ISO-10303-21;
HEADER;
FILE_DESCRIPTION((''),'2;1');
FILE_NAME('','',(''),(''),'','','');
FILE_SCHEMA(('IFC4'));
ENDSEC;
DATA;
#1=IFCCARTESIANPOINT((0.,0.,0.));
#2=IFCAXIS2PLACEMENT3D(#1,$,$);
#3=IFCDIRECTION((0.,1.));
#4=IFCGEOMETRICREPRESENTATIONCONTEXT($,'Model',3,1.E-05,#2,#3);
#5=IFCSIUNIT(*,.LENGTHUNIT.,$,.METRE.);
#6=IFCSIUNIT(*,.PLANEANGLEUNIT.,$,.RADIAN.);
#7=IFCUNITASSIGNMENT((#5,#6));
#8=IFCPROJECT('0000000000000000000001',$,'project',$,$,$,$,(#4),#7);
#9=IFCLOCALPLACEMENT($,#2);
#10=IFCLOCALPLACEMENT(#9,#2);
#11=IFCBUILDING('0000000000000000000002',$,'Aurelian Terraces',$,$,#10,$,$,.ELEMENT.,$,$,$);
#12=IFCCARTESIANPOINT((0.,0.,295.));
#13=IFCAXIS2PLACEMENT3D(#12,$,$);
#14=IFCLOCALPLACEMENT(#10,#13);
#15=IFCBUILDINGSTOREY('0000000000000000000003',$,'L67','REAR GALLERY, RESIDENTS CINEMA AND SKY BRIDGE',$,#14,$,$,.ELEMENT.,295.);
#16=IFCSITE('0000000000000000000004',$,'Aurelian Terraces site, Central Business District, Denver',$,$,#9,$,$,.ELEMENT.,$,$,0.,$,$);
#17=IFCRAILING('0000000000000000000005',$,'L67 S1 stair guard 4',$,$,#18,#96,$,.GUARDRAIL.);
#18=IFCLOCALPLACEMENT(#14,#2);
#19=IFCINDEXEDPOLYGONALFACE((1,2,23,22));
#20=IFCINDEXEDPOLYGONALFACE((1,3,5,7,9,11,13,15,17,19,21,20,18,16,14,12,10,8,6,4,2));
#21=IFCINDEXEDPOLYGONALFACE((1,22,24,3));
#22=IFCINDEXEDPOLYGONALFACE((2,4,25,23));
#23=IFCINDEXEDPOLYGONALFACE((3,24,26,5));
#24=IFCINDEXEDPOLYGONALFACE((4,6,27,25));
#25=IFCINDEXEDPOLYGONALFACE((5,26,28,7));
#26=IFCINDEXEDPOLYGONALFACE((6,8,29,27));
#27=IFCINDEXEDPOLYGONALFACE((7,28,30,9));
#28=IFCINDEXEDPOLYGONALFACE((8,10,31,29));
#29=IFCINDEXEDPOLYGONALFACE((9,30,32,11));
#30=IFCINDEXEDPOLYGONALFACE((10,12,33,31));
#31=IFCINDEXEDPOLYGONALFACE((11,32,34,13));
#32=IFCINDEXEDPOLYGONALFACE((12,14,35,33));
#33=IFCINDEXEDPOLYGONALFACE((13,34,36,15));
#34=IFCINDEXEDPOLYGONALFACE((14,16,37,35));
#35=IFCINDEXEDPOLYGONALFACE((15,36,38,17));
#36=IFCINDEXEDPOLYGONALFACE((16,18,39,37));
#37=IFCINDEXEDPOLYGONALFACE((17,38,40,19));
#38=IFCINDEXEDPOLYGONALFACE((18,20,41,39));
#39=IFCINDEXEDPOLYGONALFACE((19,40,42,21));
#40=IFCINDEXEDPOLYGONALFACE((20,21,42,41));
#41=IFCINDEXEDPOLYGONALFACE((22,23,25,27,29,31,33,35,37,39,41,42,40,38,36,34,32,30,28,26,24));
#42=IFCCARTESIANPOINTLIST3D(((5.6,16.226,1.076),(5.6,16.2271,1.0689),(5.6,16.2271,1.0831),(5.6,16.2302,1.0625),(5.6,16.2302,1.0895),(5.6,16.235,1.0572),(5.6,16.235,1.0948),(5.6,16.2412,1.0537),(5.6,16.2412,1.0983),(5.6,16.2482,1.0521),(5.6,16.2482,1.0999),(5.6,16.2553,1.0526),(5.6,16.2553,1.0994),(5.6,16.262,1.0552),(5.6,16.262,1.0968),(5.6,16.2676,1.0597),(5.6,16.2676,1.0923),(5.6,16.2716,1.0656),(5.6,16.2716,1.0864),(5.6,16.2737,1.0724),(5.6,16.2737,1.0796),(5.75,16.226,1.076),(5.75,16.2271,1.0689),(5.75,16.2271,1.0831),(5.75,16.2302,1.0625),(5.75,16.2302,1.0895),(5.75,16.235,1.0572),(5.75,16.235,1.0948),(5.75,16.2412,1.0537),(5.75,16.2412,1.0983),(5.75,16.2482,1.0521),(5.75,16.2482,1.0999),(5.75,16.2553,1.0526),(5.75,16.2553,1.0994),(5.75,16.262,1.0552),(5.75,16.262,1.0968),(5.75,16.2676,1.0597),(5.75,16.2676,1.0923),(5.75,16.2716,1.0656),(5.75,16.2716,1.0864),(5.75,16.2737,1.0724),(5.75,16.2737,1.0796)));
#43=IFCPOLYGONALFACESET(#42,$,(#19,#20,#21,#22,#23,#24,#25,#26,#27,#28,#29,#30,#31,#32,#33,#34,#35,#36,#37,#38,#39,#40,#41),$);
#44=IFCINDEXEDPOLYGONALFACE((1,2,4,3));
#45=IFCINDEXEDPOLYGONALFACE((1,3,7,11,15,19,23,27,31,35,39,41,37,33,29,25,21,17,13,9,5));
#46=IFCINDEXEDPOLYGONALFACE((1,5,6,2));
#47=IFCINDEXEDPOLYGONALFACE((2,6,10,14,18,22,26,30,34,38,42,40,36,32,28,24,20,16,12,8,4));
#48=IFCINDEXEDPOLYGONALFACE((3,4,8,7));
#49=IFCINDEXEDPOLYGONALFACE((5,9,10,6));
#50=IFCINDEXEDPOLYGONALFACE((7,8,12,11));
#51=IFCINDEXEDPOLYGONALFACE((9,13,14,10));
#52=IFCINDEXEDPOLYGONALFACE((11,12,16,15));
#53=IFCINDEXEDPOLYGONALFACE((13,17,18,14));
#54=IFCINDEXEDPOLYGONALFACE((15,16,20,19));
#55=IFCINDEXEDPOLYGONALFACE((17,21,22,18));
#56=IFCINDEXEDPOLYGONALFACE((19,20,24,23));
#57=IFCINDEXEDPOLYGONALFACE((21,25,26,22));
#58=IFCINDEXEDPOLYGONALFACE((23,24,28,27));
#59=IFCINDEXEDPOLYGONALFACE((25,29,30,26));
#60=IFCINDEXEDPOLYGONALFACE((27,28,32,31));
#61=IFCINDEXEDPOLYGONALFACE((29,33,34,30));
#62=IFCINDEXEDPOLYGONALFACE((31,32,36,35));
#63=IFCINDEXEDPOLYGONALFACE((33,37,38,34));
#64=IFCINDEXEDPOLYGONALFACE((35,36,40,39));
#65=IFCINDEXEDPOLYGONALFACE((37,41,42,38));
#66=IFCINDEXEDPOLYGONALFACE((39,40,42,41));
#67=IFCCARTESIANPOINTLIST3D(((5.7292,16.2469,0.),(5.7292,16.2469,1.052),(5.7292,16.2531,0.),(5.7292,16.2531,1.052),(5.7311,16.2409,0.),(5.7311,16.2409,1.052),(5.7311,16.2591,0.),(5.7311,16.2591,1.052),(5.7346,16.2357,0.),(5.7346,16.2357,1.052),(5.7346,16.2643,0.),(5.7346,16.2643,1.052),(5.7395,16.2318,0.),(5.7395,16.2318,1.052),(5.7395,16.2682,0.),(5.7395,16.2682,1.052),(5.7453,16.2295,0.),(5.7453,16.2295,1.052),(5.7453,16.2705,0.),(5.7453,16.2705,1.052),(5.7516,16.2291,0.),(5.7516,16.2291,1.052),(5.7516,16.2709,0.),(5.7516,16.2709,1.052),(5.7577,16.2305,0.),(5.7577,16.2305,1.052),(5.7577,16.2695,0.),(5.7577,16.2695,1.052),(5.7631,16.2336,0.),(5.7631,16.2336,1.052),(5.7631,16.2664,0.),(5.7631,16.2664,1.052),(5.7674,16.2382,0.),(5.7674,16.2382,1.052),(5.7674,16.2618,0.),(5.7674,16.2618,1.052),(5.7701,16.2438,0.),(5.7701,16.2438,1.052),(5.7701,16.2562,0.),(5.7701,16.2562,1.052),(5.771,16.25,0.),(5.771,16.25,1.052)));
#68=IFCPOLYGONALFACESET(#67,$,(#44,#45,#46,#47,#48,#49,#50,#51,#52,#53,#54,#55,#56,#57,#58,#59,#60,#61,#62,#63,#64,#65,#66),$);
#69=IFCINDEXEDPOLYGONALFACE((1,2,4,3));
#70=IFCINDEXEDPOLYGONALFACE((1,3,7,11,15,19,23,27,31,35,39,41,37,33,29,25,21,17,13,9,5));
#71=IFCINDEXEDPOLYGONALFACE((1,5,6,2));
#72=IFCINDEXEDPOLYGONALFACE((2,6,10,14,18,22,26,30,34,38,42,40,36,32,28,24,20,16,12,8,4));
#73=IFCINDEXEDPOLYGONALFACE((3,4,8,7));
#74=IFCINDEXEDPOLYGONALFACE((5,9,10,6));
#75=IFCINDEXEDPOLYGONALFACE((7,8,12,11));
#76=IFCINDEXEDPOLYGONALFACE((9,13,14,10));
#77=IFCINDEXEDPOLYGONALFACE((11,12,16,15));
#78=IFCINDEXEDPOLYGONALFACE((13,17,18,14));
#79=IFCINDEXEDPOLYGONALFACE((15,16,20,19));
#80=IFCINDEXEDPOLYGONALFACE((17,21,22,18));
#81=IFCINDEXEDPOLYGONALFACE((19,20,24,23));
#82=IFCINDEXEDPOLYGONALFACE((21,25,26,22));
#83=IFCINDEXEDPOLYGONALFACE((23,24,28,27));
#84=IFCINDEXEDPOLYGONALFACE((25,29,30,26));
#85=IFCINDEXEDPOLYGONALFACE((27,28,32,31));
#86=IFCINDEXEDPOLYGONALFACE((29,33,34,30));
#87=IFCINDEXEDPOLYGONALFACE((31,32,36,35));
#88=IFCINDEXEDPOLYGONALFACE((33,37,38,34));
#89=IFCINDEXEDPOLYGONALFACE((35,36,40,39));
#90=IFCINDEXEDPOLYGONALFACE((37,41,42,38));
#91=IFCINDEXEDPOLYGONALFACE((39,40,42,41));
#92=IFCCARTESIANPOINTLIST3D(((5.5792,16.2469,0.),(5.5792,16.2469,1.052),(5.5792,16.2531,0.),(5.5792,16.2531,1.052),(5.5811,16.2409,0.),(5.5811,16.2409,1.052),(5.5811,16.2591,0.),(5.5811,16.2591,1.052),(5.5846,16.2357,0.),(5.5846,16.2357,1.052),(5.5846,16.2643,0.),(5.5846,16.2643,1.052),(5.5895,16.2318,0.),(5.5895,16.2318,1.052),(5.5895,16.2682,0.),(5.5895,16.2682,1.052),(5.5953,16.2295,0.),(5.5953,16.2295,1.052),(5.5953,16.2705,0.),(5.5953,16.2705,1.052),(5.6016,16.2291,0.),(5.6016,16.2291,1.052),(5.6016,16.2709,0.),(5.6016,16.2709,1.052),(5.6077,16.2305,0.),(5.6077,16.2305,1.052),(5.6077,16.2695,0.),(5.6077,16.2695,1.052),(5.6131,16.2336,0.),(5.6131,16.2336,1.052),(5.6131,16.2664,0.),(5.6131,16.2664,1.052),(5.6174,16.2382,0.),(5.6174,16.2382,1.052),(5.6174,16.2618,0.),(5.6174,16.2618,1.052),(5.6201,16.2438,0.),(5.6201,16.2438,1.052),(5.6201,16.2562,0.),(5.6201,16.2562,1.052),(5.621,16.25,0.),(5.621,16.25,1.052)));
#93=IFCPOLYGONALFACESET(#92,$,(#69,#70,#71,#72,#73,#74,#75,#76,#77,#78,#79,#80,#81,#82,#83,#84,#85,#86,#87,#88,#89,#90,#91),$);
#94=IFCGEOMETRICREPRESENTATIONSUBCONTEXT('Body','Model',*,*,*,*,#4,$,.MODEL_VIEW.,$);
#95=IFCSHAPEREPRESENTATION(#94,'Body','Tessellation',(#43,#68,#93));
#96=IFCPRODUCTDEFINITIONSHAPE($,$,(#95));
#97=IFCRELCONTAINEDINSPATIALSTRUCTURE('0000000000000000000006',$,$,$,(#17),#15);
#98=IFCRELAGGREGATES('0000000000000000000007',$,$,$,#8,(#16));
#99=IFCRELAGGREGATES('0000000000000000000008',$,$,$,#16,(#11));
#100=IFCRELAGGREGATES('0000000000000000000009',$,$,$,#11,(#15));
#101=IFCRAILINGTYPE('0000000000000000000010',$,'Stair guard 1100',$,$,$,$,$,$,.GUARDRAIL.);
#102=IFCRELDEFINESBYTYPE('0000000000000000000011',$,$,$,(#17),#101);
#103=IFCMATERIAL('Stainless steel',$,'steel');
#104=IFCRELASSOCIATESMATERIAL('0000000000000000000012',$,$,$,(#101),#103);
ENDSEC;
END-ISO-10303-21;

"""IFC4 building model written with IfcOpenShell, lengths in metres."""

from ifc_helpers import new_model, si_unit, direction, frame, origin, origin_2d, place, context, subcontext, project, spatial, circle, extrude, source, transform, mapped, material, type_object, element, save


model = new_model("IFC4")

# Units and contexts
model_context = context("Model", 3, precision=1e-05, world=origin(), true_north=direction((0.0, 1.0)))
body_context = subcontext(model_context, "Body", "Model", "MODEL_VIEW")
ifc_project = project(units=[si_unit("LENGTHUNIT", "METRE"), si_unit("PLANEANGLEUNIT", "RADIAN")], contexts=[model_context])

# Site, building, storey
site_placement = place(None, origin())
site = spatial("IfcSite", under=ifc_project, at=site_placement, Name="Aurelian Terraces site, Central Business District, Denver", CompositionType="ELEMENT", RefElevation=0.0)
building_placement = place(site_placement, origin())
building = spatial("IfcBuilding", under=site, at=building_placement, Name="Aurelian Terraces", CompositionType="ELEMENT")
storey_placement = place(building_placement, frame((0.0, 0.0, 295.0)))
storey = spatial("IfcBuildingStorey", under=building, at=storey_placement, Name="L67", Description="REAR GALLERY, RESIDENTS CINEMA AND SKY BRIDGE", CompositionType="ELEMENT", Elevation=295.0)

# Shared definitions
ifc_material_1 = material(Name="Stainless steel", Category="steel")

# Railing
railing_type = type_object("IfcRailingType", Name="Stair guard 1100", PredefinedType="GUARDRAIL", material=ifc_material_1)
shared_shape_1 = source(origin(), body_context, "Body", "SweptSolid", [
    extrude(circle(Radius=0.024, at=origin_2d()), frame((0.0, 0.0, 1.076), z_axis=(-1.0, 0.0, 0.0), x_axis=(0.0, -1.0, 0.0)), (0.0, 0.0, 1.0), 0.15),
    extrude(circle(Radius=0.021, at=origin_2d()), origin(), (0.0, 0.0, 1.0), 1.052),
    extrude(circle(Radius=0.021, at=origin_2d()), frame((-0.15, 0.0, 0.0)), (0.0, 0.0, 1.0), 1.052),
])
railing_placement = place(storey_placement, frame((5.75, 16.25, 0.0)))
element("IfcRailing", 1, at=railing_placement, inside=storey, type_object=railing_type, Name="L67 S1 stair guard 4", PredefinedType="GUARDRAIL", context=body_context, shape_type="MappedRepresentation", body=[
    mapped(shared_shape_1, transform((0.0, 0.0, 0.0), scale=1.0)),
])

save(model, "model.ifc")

┄┄┄┄┄┄┄┄┄┄┄┄┄┄┄┄┄┄┄┄

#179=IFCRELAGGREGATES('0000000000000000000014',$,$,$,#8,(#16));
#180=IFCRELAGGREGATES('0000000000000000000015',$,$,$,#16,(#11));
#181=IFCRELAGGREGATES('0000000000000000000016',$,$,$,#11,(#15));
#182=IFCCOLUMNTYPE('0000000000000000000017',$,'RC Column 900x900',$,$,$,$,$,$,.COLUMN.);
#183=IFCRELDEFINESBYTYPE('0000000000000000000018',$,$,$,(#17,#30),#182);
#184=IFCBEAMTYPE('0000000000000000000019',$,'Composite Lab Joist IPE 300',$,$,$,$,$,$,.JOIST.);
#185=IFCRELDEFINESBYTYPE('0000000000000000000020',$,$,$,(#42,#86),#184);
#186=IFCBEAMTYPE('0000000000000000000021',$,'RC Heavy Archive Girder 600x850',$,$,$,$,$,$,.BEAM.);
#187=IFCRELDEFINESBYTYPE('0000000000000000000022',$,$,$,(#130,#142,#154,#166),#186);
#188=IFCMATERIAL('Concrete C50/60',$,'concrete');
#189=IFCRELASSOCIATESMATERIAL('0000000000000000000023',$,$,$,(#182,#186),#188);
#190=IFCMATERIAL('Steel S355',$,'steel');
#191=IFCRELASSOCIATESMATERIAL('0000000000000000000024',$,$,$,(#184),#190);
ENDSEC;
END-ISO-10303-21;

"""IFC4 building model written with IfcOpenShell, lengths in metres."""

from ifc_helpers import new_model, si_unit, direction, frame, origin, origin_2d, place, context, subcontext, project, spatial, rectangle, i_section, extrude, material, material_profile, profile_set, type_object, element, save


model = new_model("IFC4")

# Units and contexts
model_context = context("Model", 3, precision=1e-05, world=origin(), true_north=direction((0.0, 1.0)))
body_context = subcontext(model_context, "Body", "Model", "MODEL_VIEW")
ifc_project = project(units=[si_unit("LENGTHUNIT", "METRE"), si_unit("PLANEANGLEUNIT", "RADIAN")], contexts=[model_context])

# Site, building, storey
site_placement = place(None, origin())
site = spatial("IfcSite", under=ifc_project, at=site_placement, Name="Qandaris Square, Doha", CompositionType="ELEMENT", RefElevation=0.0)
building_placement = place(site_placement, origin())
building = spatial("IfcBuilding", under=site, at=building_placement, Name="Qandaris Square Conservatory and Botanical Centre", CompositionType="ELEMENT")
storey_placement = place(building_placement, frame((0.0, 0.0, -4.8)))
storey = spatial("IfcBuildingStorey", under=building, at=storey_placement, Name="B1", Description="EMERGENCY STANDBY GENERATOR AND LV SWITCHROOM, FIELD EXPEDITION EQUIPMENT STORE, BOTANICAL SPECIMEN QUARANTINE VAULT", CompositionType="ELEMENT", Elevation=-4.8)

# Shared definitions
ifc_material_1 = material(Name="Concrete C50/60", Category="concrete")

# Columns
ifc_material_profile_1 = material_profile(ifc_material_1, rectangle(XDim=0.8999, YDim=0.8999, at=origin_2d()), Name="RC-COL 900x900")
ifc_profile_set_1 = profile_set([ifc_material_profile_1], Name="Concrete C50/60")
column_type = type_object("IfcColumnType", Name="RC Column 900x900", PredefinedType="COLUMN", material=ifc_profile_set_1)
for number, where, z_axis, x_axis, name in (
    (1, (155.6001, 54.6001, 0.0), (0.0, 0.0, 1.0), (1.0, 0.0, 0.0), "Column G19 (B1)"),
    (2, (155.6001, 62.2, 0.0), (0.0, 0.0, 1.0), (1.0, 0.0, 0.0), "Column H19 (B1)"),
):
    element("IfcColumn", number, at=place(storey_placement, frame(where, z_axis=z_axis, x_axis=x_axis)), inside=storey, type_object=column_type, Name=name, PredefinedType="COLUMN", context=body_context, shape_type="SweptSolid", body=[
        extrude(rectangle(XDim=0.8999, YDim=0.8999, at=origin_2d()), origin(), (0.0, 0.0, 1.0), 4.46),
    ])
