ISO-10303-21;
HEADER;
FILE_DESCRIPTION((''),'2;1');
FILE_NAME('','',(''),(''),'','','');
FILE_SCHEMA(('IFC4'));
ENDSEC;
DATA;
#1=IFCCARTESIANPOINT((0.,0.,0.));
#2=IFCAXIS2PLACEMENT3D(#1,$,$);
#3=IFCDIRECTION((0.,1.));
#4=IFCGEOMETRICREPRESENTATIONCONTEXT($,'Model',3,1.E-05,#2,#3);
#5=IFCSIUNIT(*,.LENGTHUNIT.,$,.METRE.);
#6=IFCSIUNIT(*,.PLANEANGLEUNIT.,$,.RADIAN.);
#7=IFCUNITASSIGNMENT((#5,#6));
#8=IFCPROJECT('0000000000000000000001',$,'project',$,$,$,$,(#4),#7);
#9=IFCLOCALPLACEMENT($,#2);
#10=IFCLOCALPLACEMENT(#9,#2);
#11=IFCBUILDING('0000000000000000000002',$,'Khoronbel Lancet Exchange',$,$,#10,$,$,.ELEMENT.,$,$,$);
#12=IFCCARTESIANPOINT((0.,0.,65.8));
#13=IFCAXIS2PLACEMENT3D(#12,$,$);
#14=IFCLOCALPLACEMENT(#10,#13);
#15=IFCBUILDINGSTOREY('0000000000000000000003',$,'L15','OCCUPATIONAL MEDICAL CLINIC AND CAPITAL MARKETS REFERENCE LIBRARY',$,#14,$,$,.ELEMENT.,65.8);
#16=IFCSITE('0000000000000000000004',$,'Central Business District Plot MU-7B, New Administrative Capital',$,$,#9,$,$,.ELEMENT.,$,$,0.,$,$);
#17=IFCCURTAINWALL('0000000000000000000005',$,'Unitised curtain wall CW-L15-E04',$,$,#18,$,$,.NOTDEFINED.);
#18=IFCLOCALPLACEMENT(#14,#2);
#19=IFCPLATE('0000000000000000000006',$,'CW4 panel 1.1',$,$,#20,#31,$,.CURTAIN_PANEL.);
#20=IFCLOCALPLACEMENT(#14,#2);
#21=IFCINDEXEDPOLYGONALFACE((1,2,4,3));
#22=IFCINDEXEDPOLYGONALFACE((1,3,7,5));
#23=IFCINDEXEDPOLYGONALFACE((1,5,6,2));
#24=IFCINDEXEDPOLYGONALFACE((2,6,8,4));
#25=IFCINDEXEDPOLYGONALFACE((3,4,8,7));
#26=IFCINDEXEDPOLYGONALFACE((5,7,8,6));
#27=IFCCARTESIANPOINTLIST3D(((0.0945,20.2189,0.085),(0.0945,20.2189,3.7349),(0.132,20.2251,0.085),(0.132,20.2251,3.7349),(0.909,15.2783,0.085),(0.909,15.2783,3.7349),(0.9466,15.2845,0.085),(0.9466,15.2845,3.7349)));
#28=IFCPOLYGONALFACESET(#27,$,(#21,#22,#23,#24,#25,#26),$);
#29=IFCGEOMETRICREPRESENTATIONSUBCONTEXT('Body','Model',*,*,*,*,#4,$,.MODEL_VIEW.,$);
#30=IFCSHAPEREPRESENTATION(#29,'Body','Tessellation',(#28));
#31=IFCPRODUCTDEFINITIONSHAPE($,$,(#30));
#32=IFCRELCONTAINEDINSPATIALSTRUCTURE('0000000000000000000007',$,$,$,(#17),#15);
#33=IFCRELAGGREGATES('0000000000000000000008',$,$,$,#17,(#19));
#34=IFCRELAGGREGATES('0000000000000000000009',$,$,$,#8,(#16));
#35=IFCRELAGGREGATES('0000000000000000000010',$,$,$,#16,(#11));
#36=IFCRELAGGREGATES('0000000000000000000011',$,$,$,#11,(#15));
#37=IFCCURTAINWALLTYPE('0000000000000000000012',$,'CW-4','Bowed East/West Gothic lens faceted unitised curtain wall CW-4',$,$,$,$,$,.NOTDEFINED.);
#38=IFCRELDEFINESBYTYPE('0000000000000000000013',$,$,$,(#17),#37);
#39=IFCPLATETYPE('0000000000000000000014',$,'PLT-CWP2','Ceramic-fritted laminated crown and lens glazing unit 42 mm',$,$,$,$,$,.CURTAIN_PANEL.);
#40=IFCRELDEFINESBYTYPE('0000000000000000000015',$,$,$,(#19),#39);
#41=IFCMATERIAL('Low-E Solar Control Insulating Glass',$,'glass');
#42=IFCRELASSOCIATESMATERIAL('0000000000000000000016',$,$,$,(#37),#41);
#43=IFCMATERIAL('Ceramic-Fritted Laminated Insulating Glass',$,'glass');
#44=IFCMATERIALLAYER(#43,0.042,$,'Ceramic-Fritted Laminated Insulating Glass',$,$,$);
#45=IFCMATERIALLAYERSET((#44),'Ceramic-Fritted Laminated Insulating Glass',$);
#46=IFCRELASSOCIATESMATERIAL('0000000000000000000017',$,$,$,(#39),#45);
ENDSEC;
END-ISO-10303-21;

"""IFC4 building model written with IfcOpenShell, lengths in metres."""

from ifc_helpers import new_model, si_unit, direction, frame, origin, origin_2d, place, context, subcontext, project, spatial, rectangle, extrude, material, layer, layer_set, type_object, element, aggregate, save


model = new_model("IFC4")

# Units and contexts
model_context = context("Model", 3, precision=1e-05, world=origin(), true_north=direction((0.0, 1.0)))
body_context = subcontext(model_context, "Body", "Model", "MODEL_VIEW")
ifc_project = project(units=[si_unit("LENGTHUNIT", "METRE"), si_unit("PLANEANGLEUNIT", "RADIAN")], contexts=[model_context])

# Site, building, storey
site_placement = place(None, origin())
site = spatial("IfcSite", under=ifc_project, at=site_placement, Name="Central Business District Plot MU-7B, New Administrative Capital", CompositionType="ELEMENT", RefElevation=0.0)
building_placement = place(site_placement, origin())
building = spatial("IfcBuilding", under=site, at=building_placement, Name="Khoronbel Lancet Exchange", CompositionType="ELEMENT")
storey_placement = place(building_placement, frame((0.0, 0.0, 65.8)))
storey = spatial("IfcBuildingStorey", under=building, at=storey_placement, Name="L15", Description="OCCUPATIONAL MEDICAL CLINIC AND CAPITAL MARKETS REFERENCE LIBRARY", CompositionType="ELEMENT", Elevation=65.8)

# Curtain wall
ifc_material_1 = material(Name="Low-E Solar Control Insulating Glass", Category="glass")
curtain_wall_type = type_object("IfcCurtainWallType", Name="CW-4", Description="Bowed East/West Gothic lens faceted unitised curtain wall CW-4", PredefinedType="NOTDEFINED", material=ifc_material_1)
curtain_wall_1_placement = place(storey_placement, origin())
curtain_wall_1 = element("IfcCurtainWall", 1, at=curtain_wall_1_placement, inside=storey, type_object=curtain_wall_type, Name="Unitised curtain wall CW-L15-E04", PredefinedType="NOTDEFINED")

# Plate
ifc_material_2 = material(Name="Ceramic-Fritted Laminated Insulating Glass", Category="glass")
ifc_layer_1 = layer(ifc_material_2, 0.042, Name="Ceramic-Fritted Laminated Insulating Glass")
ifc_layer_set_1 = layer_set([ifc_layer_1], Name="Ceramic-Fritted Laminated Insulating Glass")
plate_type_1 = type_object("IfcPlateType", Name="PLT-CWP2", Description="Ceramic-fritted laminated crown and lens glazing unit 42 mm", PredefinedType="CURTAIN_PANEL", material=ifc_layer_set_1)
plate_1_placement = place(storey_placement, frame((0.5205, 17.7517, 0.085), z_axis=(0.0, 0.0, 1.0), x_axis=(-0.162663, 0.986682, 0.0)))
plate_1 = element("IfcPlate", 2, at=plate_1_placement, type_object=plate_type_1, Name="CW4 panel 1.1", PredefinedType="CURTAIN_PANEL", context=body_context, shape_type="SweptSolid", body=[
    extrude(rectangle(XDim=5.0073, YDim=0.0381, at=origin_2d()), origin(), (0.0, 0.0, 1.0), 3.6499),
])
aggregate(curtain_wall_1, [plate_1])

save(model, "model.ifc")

┄┄┄┄┄┄┄┄┄┄┄┄┄┄┄┄┄┄┄┄

## EXERCISE DETAILS
Within the lines above, find those holding the word "Qandaris" and copy them.

## WORKED SOLUTION
site = spatial("IfcSite", under=ifc_project, at=site_placement, Name="Qandaris Square, Doha", CompositionType="ELEMENT", RefElevation=0.0)
building = spatial("IfcBuilding", under=site, at=building_placement, Name="Qandaris Square Conservatory and Botanical Centre", CompositionType="ELEMENT")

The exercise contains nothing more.